ACTION ITEM
Word for word, restate the lines from the start of the data down to the line with "#33=IFCINDEXEDPOLYGONALFACE((12,54,58,16));", both included.
------ DATA EXCERPTS
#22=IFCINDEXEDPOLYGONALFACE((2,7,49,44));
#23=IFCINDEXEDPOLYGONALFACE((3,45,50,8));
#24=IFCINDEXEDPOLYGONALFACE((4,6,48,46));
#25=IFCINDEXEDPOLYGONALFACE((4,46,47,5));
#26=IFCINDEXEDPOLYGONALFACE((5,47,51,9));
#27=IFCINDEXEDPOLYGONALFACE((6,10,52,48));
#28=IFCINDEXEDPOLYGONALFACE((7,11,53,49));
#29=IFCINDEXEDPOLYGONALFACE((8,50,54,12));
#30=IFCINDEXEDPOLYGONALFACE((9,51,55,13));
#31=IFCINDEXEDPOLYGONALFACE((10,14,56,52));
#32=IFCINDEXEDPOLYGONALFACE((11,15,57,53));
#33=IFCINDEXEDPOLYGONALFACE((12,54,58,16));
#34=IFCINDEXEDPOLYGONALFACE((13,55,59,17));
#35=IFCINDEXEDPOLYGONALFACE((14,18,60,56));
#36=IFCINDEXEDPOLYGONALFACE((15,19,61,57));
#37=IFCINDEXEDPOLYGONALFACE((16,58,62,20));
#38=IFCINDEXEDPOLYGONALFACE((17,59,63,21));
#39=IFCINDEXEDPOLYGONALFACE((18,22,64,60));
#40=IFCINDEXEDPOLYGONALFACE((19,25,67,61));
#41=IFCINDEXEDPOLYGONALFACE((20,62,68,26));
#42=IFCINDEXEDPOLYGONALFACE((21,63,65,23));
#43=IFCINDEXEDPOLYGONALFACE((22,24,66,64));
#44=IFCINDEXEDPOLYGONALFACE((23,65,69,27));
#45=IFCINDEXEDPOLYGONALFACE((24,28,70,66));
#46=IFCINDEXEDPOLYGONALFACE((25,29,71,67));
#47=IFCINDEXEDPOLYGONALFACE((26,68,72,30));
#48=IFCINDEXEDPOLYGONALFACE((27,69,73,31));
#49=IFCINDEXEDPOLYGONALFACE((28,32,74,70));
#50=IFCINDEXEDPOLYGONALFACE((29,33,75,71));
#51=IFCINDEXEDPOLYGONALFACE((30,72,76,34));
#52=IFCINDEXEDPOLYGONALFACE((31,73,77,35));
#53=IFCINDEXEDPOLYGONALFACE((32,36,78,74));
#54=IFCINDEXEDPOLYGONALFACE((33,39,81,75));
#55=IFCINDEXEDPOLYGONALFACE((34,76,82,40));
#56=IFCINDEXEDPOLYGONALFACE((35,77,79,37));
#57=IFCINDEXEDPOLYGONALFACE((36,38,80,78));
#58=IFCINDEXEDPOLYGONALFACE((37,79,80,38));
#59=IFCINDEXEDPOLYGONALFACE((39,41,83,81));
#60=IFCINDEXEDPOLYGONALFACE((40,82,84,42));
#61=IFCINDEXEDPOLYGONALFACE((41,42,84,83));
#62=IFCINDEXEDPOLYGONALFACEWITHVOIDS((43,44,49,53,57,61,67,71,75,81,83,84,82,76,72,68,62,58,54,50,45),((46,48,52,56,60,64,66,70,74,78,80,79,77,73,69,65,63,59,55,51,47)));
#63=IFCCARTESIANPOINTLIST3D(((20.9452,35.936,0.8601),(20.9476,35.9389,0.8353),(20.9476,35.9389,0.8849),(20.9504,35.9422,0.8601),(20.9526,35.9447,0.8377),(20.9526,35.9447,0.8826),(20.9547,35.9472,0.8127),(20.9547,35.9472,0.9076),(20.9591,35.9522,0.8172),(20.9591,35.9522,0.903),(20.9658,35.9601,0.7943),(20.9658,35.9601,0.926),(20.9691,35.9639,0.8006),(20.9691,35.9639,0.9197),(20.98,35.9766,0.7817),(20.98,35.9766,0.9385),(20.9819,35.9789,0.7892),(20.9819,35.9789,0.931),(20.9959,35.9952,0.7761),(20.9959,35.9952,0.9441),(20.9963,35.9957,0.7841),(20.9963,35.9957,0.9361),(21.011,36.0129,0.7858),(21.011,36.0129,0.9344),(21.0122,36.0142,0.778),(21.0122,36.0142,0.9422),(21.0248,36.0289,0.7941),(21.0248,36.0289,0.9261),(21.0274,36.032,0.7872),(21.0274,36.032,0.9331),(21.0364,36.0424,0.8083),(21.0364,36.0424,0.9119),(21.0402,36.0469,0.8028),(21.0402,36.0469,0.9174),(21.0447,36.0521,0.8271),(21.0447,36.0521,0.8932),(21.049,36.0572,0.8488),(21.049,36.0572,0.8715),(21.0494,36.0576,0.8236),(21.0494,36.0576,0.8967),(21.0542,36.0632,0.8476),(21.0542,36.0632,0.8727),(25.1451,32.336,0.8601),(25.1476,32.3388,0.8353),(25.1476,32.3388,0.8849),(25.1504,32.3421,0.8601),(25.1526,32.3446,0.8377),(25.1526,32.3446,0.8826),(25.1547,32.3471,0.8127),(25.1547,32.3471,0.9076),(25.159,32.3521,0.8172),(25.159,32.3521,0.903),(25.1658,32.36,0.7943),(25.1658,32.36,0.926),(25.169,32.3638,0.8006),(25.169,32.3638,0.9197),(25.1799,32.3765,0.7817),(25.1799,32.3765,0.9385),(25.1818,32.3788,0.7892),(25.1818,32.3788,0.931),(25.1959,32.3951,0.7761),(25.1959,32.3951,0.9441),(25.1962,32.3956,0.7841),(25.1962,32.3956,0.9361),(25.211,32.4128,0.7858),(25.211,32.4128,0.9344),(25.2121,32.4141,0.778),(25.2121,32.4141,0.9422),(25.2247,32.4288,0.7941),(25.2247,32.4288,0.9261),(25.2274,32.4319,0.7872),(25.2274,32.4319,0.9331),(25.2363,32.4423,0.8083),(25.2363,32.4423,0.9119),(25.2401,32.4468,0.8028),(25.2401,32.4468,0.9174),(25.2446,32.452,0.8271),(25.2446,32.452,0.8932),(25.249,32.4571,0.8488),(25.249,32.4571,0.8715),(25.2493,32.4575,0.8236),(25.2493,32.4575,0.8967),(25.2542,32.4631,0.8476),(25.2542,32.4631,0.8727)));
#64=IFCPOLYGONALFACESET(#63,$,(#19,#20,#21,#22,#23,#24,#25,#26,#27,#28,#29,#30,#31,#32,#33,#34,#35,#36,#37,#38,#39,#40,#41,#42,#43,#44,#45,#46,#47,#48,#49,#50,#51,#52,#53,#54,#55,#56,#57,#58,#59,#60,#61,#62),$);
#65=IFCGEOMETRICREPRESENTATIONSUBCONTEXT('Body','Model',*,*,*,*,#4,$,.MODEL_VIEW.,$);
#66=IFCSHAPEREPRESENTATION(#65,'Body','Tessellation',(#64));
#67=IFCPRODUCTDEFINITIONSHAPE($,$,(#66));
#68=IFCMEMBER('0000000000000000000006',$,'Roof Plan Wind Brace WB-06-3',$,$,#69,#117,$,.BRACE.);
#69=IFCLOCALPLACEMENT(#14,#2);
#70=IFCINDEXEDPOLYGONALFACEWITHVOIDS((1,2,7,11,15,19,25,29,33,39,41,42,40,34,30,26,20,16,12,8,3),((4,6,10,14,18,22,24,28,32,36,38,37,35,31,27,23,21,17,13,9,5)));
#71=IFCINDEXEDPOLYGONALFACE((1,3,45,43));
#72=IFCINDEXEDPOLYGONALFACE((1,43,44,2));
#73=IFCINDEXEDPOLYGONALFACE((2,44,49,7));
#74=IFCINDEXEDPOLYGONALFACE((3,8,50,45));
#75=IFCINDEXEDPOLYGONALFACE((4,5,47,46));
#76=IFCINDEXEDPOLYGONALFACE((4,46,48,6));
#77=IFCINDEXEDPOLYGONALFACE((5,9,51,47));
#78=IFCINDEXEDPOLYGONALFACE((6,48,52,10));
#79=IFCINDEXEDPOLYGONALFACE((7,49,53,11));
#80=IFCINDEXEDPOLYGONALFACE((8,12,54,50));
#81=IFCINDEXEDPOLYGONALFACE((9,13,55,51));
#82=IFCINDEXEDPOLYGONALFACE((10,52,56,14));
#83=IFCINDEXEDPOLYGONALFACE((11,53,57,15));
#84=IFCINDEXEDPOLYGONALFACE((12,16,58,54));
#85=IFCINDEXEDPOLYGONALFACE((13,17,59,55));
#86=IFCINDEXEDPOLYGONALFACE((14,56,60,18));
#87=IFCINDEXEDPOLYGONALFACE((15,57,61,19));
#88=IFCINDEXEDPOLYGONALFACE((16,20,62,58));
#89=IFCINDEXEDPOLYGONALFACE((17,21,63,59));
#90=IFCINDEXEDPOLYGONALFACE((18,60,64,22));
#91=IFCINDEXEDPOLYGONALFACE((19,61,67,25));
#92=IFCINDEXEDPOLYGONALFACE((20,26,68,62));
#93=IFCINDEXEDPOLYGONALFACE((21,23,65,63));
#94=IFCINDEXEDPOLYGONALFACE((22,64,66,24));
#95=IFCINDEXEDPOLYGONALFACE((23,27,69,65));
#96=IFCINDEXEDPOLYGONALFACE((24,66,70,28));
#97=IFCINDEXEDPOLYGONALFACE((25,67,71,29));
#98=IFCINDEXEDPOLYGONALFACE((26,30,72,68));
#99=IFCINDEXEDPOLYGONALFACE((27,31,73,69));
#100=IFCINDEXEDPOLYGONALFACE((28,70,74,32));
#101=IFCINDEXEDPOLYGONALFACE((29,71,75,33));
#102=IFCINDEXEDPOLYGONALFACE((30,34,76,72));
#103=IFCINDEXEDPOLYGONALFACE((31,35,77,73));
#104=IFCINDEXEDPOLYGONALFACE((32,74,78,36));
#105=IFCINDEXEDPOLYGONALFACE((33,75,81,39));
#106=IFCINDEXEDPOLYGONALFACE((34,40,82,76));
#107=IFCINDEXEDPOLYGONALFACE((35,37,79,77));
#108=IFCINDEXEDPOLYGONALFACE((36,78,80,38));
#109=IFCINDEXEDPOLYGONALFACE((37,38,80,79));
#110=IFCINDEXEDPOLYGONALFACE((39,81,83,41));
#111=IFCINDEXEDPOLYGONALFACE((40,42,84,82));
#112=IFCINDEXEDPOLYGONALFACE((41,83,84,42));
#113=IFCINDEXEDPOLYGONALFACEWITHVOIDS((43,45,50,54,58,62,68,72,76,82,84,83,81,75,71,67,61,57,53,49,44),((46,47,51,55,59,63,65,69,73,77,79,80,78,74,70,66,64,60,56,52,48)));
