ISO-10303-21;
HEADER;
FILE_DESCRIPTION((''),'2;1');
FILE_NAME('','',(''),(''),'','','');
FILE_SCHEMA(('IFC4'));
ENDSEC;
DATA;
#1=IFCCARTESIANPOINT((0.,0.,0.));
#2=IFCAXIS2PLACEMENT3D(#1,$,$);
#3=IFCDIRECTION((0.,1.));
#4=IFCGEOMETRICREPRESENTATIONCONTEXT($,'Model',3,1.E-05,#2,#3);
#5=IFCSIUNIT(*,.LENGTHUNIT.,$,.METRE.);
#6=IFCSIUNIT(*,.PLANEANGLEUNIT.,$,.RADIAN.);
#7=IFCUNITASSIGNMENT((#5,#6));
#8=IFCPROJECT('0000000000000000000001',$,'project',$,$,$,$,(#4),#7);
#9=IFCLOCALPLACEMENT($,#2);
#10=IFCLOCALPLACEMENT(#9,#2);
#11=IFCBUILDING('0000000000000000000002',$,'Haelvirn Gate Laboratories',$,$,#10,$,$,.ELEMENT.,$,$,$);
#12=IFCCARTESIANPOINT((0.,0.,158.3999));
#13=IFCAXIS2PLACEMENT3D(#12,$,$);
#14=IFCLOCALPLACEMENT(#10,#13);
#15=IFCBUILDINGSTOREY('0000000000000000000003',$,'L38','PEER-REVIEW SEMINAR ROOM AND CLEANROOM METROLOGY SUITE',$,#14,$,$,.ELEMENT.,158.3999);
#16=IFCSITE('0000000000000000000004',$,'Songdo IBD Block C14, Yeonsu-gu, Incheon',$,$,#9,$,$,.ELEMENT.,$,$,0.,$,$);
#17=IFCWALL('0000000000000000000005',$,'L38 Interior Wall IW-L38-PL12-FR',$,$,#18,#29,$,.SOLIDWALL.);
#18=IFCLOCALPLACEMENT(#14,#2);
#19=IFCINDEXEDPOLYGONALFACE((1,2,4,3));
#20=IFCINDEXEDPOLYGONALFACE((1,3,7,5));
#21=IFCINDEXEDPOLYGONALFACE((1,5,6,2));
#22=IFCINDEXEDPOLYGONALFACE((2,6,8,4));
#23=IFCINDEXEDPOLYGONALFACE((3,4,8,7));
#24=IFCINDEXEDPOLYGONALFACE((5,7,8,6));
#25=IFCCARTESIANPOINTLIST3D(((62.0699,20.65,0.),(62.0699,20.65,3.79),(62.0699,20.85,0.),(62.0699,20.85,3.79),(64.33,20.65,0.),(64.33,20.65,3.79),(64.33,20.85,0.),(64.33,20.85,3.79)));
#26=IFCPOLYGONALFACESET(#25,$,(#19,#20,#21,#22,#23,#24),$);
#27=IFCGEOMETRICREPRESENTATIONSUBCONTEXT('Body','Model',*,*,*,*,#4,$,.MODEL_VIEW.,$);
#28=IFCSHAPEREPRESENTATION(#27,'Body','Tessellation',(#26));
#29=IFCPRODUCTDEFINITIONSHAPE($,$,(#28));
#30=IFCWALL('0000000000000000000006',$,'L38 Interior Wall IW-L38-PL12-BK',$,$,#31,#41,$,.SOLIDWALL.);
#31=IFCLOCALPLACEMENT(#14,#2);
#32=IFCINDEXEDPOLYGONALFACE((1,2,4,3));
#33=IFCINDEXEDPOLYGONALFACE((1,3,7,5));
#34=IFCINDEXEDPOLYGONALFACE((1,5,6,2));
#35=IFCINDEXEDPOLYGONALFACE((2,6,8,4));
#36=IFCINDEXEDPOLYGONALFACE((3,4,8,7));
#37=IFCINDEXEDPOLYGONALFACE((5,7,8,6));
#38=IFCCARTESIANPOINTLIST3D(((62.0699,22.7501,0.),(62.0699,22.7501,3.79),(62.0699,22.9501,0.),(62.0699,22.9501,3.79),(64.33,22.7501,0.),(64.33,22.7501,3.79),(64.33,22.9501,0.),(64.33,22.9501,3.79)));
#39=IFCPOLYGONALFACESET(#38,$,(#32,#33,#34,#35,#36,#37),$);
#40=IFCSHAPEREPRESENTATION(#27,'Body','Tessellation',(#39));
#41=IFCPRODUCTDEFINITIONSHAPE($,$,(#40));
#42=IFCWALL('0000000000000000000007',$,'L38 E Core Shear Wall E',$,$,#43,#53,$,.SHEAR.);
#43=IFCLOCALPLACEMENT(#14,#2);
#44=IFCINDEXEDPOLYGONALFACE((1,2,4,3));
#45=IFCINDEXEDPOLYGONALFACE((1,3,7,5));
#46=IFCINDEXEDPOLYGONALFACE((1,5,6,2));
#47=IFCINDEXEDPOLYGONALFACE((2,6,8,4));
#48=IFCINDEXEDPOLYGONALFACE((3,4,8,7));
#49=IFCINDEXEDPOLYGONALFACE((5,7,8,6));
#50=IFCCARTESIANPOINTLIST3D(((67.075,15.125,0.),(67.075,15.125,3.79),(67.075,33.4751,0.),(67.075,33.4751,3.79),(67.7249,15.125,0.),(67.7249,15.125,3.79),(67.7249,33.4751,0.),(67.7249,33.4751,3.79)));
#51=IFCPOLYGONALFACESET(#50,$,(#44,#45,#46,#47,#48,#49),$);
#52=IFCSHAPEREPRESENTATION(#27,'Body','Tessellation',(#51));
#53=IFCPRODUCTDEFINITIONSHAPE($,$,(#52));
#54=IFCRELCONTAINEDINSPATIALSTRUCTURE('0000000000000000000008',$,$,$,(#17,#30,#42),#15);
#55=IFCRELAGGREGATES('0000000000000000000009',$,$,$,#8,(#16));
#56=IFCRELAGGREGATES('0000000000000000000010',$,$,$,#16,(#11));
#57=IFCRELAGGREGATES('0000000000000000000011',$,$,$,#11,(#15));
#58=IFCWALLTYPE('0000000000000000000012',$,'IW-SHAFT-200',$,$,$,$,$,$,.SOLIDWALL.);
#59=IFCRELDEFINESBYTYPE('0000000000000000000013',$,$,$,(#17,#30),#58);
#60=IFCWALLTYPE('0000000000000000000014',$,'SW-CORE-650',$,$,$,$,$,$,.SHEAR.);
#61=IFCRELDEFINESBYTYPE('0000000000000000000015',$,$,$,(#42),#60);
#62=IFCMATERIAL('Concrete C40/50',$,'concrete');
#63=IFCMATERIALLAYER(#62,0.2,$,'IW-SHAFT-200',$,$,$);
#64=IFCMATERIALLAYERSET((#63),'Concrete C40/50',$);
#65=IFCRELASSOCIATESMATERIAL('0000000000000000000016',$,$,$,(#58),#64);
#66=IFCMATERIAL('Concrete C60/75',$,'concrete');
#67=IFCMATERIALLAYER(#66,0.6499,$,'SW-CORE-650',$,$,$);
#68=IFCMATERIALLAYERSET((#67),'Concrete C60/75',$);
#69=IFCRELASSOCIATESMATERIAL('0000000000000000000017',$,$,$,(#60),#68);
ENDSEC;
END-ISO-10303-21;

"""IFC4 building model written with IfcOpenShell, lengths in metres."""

from ifc_helpers import new_model, si_unit, direction, frame, frame_2d, origin, place, context, subcontext, project, spatial, rectangle, extrude, material, layer, layer_set, type_object, element, save


model = new_model("IFC4")

# Units and contexts
model_context = context("Model", 3, precision=1e-05, world=origin(), true_north=direction((0.0, 1.0)))
body_context = subcontext(model_context, "Body", "Model", "MODEL_VIEW")
ifc_project = project(units=[si_unit("LENGTHUNIT", "METRE"), si_unit("PLANEANGLEUNIT", "RADIAN")], contexts=[model_context])

# Site, building, storey
site_placement = place(None, origin())
site = spatial("IfcSite", under=ifc_project, at=site_placement, Name="Songdo IBD Block C14, Yeonsu-gu, Incheon", CompositionType="ELEMENT", RefElevation=0.0)
building_placement = place(site_placement, origin())
building = spatial("IfcBuilding", under=site, at=building_placement, Name="Haelvirn Gate Laboratories", CompositionType="ELEMENT")
storey_placement = place(building_placement, frame((0.0, 0.0, 158.3999)))
storey = spatial("IfcBuildingStorey", under=building, at=storey_placement, Name="L38", Description="PEER-REVIEW SEMINAR ROOM AND CLEANROOM METROLOGY SUITE", CompositionType="ELEMENT", Elevation=158.3999)

# Shared definitions
ifc_material_1 = material(Name="Concrete C60/75", Category="concrete")

# Shared definitions
ifc_material_2 = material(Name="Concrete C40/50", Category="concrete")

# Shared definitions
ifc_layer_1 = layer(ifc_material_2, 0.2, Name="IW-SHAFT-200")
ifc_layer_set_1 = layer_set([ifc_layer_1], Name="Concrete C40/50")
wall_type_1 = type_object("IfcWallType", Name="IW-SHAFT-200", PredefinedType="SOLIDWALL", material=ifc_layer_set_1)

# Walls
for number, where, z_axis, x_axis, name in (
    (1, (62.0701, 20.75, 0.0), (0.0, 0.0, 1.0), (1.0, 0.0, 0.0), "L38 Interior Wall IW-L38-PL12-FR"),
    (2, (62.0701, 22.8501, 0.0), (0.0, 0.0, 1.0), (1.0, 0.0, 0.0), "L38 Interior Wall IW-L38-PL12-BK"),
):
    element("IfcWall", number, at=place(storey_placement, frame(where, z_axis=z_axis, x_axis=x_axis)), inside=storey, type_object=wall_type_1, Name=name, PredefinedType="SOLIDWALL", context=body_context, shape_type="SweptSolid", body=[
        extrude(rectangle(XDim=2.26, YDim=0.2, at=frame_2d((1.1299, 0.0))), origin(), (0.0, 0.0, 1.0), 3.79),
    ])
ifc_layer_2 = layer(ifc_material_1, 0.6499, Name="SW-CORE-650")
ifc_layer_set_2 = layer_set([ifc_layer_2], Name="Concrete C60/75")
wall_type_2 = type_object("IfcWallType", Name="SW-CORE-650", PredefinedType="SHEAR", material=ifc_layer_set_2)
wall_1_placement = place(storey_placement, frame((67.3999, 15.125, 0.0), z_axis=(0.0, 0.0, 1.0), x_axis=(0.0, 1.0, 0.0)))
element("IfcWall", 3, at=wall_1_placement, inside=storey, type_object=wall_type_2, Name="L38 E Core Shear Wall E", PredefinedType="SHEAR", context=body_context, shape_type="SweptSolid", body=[
    extrude(rectangle(XDim=18.3501, YDim=0.6499, at=frame_2d((9.175, 0.0))), origin(), (0.0, 0.0, 1.0), 3.79),
])

save(model, "model.ifc")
------------
PROBLEM SOLUTION
#22=IFCINDEXEDPOLYGONALFACE((2,7,49,44));
#23=IFCINDEXEDPOLYGONALFACE((3,45,50,8));
#24=IFCINDEXEDPOLYGONALFACE((4,6,48,46));
#25=IFCINDEXEDPOLYGONALFACE((4,46,47,5));
#26=IFCINDEXEDPOLYGONALFACE((5,47,51,9));
#27=IFCINDEXEDPOLYGONALFACE((6,10,52,48));
#28=IFCINDEXEDPOLYGONALFACE((7,11,53,49));
#29=IFCINDEXEDPOLYGONALFACE((8,50,54,12));
#30=IFCINDEXEDPOLYGONALFACE((9,51,55,13));
#31=IFCINDEXEDPOLYGONALFACE((10,14,56,52));
#32=IFCINDEXEDPOLYGONALFACE((11,15,57,53));
#33=IFCINDEXEDPOLYGONALFACE((12,54,58,16));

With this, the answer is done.